(RECORDS FOR THE TASK Opens)
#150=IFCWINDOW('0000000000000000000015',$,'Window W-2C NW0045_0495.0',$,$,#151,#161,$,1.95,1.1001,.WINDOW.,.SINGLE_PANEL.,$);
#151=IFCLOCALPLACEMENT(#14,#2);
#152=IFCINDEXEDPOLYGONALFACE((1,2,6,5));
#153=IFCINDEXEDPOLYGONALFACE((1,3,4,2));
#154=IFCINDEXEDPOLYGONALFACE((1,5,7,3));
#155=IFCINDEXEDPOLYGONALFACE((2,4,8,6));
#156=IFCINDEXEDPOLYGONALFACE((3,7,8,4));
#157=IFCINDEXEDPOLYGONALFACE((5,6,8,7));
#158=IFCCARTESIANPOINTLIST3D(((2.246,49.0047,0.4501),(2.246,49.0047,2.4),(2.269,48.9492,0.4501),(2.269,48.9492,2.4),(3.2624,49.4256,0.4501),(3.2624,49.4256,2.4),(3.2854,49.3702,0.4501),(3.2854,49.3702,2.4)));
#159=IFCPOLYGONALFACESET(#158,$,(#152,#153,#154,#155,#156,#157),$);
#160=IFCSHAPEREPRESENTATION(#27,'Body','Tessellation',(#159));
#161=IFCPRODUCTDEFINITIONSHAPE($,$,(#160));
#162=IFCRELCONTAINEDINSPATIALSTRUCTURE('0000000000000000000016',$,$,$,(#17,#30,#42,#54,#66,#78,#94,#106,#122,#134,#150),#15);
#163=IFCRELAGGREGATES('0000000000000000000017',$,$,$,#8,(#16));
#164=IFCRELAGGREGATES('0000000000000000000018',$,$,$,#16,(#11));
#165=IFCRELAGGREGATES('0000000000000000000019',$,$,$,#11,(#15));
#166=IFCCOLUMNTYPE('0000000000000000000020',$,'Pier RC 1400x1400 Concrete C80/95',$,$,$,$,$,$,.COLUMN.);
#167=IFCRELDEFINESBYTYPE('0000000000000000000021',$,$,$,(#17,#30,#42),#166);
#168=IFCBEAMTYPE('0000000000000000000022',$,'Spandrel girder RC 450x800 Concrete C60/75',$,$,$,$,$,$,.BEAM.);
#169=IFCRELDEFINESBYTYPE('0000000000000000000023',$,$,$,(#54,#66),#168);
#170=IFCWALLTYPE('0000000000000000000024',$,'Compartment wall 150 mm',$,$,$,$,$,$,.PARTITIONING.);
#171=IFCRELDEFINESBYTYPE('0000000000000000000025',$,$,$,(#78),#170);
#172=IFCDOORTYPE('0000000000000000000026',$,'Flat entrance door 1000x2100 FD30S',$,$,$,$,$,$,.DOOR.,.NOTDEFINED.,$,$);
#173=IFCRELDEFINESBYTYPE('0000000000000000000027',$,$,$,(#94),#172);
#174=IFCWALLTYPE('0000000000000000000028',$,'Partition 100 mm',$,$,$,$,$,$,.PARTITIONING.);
(RECORDS FOR THE TASK Closes)
(RECORDS FOR THE TASK Opens)
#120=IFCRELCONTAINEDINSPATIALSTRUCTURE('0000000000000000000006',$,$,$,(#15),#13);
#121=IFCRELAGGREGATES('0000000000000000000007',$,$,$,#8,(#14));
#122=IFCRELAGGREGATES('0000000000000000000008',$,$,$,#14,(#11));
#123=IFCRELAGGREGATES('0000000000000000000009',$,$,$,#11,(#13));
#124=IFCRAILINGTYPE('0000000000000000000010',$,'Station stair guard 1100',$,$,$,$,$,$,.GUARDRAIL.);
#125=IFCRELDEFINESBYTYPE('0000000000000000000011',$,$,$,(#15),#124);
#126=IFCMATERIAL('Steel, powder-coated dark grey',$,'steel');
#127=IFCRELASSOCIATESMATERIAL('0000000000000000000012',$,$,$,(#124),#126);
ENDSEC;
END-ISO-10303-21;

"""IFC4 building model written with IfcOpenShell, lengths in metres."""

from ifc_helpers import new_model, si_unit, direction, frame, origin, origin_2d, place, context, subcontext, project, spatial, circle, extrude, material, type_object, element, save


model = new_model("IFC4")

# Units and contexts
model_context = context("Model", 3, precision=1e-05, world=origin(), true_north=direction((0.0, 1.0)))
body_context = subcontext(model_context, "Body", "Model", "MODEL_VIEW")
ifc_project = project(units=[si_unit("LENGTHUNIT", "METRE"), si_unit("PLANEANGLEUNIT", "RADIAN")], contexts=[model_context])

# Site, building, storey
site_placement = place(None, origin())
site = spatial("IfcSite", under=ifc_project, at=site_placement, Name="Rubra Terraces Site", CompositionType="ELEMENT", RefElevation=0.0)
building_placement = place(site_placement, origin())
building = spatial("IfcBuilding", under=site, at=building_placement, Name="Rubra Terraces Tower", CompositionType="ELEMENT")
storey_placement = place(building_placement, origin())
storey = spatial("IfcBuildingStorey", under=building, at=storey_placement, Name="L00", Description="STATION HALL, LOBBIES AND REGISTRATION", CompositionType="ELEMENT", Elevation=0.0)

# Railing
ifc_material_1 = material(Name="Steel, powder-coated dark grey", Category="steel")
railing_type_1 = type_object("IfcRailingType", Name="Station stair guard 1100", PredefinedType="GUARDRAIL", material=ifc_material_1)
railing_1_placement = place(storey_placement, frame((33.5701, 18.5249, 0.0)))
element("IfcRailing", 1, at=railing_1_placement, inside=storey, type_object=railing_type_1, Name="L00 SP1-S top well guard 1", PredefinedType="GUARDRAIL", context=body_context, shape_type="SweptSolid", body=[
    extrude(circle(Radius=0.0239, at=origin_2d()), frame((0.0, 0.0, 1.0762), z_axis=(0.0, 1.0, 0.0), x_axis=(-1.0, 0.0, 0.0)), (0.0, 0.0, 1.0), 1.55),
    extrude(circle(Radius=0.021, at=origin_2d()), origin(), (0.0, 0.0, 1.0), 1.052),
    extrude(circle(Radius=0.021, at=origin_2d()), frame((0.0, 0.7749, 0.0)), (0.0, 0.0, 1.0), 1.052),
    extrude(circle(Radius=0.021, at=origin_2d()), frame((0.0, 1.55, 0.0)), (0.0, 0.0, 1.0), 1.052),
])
(RECORDS FOR THE TASK Closes)
(RECORDS FOR THE TASK Opens)
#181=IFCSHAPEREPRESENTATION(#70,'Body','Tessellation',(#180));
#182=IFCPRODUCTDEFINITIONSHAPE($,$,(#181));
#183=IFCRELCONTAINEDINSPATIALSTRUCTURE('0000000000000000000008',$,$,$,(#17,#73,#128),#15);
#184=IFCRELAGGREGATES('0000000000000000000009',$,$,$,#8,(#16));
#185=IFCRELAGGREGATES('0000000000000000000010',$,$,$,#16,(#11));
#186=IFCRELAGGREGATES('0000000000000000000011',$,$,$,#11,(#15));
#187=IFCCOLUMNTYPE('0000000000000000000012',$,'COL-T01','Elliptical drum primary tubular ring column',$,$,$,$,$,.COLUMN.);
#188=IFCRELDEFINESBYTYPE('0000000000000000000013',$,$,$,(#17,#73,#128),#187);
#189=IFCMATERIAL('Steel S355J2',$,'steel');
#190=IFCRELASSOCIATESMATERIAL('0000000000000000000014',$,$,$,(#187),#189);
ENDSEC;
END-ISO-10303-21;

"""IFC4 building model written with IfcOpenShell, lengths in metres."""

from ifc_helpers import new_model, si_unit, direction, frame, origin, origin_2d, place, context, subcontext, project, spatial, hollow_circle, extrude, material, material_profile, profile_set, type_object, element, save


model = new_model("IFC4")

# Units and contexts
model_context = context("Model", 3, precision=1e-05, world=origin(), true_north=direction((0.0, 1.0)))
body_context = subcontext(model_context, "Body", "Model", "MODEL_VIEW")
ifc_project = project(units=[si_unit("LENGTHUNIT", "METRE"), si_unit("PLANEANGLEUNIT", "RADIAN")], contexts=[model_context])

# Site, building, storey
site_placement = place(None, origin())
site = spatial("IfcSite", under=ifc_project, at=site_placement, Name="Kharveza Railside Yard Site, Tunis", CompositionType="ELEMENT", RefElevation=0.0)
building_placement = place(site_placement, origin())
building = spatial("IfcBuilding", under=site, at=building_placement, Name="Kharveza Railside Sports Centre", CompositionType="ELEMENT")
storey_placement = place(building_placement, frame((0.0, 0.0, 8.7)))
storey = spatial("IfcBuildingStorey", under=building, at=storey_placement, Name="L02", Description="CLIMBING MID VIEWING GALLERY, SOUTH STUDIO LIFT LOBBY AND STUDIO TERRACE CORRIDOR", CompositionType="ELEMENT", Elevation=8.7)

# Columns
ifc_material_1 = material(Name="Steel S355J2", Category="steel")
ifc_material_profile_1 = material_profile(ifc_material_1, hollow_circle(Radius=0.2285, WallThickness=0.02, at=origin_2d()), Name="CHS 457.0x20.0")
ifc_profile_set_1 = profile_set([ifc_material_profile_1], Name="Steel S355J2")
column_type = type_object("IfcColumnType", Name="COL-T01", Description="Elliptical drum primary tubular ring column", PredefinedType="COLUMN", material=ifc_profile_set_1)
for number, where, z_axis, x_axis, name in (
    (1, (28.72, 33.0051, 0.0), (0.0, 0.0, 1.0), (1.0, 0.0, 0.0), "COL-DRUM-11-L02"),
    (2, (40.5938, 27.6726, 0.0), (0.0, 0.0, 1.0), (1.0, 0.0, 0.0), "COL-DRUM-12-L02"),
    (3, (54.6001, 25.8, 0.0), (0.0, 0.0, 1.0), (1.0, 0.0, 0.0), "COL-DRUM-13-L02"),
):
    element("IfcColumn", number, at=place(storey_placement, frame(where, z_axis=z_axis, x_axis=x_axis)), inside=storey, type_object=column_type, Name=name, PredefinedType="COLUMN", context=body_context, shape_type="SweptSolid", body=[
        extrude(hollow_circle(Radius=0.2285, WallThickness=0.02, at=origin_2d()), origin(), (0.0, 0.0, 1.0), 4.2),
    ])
(RECORDS FOR THE TASK Closes)
== YOUR OBJECTIVE ==
In the listing above, find the line holding "#123=IFCRELAGGREGATES('0000000000000000000009',$,$,$,#11,(#13));" and the line holding "storey_placement = place(building_placement, origin())", then output those two lines and every line between them exactly.

== RESULT OF THIS TASK ==
#123=IFCRELAGGREGATES('0000000000000000000009',$,$,$,#11,(#13));
#124=IFCRAILINGTYPE('0000000000000000000010',$,'Station stair guard 1100',$,$,$,$,$,$,.GUARDRAIL.);
#125=IFCRELDEFINESBYTYPE('0000000000000000000011',$,$,$,(#15),#124);
#126=IFCMATERIAL('Steel, powder-coated dark grey',$,'steel');
#127=IFCRELASSOCIATESMATERIAL('0000000000000000000012',$,$,$,(#124),#126);
ENDSEC;
END-ISO-10303-21;

"""IFC4 building model written with IfcOpenShell, lengths in metres."""

from ifc_helpers import new_model, si_unit, direction, frame, origin, origin_2d, place, context, subcontext, project, spatial, circle, extrude, material, type_object, element, save


model = new_model("IFC4")

# Units and contexts
model_context = context("Model", 3, precision=1e-05, world=origin(), true_north=direction((0.0, 1.0)))
body_context = subcontext(model_context, "Body", "Model", "MODEL_VIEW")
ifc_project = project(units=[si_unit("LENGTHUNIT", "METRE"), si_unit("PLANEANGLEUNIT", "RADIAN")], contexts=[model_context])

# Site, building, storey
site_placement = place(None, origin())
site = spatial("IfcSite", under=ifc_project, at=site_placement, Name="Rubra Terraces Site", CompositionType="ELEMENT", RefElevation=0.0)
building_placement = place(site_placement, origin())
building = spatial("IfcBuilding", under=site, at=building_placement, Name="Rubra Terraces Tower", CompositionType="ELEMENT")
storey_placement = place(building_placement, origin())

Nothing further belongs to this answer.